Work instruction:
Instruction for the entries that follow: retype exactly the lines from the line with "#127=IFCINDEXEDPOLYGONALFACEWITHVOIDS((1,7,8,2),((3,4,6,5)));" to the line with "#145=IFCINDEXEDPOLYGONALFACE((2,47,51,6));", both included, and omit all others.

Source data:
---------------

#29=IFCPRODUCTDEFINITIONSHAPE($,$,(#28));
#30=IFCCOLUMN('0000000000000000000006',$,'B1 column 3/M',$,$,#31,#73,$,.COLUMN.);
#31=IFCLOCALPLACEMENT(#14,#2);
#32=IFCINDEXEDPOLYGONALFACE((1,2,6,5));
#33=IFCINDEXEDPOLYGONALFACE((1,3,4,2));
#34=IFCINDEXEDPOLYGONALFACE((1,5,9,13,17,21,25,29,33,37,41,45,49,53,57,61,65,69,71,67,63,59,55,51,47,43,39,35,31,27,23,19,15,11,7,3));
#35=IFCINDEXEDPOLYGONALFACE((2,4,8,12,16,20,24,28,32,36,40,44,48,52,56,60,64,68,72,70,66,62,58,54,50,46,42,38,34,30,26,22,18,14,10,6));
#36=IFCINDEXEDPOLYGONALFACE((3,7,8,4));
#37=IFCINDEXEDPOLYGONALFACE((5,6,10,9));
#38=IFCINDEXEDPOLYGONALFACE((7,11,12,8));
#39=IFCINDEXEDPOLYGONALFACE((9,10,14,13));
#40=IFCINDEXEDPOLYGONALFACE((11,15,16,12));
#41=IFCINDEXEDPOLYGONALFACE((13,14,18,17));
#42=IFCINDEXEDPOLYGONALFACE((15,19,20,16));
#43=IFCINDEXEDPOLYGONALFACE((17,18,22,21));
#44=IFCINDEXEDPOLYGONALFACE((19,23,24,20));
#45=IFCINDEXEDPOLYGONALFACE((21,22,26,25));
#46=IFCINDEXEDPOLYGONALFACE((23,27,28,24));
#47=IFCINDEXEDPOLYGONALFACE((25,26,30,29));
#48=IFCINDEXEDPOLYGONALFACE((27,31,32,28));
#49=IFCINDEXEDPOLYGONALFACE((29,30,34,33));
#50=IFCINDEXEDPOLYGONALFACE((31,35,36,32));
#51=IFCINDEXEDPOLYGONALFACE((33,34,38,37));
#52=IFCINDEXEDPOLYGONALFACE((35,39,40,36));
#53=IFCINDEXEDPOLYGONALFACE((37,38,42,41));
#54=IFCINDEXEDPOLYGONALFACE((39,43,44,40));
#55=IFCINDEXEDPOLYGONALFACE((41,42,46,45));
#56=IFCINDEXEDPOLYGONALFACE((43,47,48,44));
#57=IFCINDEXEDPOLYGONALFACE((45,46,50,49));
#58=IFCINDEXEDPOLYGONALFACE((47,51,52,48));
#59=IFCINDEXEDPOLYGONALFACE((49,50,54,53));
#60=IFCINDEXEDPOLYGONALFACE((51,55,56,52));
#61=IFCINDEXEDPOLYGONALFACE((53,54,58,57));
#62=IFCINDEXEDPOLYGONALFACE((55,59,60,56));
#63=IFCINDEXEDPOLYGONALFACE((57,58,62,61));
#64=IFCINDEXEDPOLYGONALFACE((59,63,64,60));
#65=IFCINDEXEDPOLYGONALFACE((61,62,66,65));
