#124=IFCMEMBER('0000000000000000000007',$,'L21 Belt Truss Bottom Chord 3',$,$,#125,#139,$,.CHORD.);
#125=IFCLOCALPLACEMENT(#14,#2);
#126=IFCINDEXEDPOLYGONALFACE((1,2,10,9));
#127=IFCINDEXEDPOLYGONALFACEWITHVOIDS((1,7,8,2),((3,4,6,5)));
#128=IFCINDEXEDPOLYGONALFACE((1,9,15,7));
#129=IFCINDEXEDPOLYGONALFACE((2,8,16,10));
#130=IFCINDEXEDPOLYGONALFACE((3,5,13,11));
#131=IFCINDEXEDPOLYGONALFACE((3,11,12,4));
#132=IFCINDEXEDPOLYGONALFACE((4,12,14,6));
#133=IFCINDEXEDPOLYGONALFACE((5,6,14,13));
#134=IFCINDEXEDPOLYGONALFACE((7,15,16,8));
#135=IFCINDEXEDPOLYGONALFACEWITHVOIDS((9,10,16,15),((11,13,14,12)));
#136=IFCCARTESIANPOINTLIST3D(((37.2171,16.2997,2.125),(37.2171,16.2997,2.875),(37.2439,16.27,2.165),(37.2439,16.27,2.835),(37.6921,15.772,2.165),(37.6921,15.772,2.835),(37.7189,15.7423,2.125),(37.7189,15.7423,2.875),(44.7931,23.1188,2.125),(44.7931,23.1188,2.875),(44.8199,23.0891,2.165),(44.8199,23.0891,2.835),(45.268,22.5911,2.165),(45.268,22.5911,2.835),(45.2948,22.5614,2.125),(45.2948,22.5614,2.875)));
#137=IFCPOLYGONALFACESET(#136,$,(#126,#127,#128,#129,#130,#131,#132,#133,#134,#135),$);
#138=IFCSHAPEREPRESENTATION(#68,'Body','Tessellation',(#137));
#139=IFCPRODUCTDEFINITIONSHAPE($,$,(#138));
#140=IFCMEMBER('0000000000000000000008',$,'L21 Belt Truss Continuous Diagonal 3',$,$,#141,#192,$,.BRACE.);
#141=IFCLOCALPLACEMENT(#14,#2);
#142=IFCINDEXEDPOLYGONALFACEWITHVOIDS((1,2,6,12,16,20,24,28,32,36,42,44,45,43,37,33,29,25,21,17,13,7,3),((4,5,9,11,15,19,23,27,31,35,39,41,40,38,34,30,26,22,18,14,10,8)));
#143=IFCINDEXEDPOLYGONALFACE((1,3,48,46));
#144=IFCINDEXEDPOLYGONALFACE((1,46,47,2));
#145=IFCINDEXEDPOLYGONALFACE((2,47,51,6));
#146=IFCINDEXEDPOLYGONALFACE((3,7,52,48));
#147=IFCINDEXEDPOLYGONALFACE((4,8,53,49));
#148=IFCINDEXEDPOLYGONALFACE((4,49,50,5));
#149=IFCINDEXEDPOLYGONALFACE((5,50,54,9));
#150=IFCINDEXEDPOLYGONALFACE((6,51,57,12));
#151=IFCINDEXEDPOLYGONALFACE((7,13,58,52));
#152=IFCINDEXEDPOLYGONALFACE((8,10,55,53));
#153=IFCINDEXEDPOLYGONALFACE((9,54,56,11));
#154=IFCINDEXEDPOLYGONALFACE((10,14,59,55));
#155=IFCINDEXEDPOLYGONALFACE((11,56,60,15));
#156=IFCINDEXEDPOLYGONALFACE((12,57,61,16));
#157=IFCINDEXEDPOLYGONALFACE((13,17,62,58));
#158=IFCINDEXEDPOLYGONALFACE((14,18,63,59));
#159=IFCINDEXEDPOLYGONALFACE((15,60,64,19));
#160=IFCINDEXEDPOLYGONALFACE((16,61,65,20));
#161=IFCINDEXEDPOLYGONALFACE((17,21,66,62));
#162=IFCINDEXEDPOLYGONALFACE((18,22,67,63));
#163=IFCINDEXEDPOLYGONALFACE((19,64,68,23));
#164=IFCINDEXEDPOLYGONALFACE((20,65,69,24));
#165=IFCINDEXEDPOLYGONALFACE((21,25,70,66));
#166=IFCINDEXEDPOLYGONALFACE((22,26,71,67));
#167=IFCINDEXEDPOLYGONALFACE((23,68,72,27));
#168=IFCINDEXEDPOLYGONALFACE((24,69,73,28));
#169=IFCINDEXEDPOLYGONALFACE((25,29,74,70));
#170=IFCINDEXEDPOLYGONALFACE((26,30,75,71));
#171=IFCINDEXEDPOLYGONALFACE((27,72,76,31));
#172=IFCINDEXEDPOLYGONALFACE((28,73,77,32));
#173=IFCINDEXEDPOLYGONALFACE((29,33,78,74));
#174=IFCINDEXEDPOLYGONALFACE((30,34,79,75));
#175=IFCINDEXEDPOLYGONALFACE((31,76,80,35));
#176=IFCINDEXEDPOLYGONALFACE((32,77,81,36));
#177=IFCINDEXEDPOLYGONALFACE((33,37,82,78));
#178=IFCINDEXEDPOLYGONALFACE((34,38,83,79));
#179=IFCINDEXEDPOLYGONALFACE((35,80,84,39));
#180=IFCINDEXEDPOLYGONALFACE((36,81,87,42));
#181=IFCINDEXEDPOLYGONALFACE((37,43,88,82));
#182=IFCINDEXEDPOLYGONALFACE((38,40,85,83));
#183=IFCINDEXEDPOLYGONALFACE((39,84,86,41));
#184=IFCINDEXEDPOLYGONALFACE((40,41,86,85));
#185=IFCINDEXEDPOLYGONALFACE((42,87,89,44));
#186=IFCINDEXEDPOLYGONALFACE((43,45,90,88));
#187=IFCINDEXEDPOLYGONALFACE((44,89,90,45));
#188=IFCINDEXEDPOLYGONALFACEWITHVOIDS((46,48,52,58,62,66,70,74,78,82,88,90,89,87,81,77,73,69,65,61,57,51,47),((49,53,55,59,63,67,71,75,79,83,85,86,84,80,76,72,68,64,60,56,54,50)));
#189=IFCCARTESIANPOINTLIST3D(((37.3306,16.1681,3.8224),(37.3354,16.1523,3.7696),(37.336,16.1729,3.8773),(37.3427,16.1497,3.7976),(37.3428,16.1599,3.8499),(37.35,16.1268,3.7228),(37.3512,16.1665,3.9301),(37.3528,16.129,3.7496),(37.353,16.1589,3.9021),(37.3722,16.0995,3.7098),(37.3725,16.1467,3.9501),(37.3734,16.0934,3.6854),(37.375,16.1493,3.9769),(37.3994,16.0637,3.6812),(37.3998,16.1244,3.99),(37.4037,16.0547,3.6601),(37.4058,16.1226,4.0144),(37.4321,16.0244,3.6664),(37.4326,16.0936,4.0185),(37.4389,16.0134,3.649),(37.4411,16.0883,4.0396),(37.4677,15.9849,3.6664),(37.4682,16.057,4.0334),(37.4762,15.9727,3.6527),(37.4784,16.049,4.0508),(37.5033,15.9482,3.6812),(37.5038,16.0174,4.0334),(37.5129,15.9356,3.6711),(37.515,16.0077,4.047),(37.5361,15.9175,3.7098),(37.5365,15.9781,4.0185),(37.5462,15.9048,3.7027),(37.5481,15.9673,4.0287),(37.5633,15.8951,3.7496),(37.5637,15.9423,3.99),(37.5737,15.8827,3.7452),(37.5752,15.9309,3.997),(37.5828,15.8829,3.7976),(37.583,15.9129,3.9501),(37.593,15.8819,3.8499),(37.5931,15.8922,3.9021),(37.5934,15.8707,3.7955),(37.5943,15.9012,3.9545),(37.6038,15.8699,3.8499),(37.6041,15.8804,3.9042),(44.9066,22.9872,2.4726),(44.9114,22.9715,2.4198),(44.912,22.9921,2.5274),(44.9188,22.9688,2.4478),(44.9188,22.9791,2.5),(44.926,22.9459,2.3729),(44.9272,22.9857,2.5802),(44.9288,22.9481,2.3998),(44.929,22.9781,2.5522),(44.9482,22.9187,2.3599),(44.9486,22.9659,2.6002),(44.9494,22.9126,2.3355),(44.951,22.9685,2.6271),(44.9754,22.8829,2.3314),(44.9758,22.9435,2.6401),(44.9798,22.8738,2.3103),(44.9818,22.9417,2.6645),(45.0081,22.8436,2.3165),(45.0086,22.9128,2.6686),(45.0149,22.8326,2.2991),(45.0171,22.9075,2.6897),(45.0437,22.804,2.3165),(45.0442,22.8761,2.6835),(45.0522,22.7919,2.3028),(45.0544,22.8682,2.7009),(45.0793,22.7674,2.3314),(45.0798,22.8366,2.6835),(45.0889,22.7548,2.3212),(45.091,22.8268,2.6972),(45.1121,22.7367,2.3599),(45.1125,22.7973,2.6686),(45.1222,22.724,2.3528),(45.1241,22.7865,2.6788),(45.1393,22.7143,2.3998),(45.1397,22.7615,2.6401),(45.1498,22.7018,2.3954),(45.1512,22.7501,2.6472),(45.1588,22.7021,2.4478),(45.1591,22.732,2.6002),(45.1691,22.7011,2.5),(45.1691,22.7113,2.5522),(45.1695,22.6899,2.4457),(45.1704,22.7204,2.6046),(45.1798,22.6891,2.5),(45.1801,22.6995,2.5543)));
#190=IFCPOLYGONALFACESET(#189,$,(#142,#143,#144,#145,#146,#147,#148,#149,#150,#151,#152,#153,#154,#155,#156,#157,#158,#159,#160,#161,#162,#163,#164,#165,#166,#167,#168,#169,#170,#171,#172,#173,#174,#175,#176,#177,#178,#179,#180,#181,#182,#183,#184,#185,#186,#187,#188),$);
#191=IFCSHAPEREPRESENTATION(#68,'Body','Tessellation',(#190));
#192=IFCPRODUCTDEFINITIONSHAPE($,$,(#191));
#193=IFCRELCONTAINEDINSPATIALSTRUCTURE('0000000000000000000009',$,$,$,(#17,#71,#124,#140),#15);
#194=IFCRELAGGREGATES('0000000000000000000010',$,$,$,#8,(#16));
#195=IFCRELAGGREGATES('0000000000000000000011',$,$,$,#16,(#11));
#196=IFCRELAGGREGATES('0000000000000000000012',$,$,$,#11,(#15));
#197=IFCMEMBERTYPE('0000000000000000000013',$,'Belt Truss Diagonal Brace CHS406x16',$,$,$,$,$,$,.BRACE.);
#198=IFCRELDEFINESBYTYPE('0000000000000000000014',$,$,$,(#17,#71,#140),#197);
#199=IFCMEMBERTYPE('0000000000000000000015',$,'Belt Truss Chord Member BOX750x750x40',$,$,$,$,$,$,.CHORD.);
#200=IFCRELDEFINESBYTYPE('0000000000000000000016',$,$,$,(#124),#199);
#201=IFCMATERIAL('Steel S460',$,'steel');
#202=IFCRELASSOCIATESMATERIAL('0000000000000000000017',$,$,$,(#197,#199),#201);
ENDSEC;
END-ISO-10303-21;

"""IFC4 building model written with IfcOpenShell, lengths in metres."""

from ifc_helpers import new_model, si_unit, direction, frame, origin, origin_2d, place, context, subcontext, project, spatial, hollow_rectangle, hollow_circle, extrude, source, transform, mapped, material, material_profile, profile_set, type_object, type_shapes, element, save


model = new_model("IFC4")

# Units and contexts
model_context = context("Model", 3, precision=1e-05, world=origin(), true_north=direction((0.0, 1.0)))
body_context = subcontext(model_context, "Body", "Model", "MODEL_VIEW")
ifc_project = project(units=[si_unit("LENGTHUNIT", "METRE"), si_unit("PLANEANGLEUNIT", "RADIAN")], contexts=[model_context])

---------------

Reply:
#127=IFCINDEXEDPOLYGONALFACEWITHVOIDS((1,7,8,2),((3,4,6,5)));
#128=IFCINDEXEDPOLYGONALFACE((1,9,15,7));
#129=IFCINDEXEDPOLYGONALFACE((2,8,16,10));
#130=IFCINDEXEDPOLYGONALFACE((3,5,13,11));
#131=IFCINDEXEDPOLYGONALFACE((3,11,12,4));
#132=IFCINDEXEDPOLYGONALFACE((4,12,14,6));
#133=IFCINDEXEDPOLYGONALFACE((5,6,14,13));
#134=IFCINDEXEDPOLYGONALFACE((7,15,16,8));
#135=IFCINDEXEDPOLYGONALFACEWITHVOIDS((9,10,16,15),((11,13,14,12)));
#136=IFCCARTESIANPOINTLIST3D(((37.2171,16.2997,2.125),(37.2171,16.2997,2.875),(37.2439,16.27,2.165),(37.2439,16.27,2.835),(37.6921,15.772,2.165),(37.6921,15.772,2.835),(37.7189,15.7423,2.125),(37.7189,15.7423,2.875),(44.7931,23.1188,2.125),(44.7931,23.1188,2.875),(44.8199,23.0891,2.165),(44.8199,23.0891,2.835),(45.268,22.5911,2.165),(45.268,22.5911,2.835),(45.2948,22.5614,2.125),(45.2948,22.5614,2.875)));
#137=IFCPOLYGONALFACESET(#136,$,(#126,#127,#128,#129,#130,#131,#132,#133,#134,#135),$);
#138=IFCSHAPEREPRESENTATION(#68,'Body','Tessellation',(#137));
#139=IFCPRODUCTDEFINITIONSHAPE($,$,(#138));
#140=IFCMEMBER('0000000000000000000008',$,'L21 Belt Truss Continuous Diagonal 3',$,$,#141,#192,$,.BRACE.);
#141=IFCLOCALPLACEMENT(#14,#2);
#142=IFCINDEXEDPOLYGONALFACEWITHVOIDS((1,2,6,12,16,20,24,28,32,36,42,44,45,43,37,33,29,25,21,17,13,7,3),((4,5,9,11,15,19,23,27,31,35,39,41,40,38,34,30,26,22,18,14,10,8)));
#143=IFCINDEXEDPOLYGONALFACE((1,3,48,46));
#144=IFCINDEXEDPOLYGONALFACE((1,46,47,2));
#145=IFCINDEXEDPOLYGONALFACE((2,47,51,6));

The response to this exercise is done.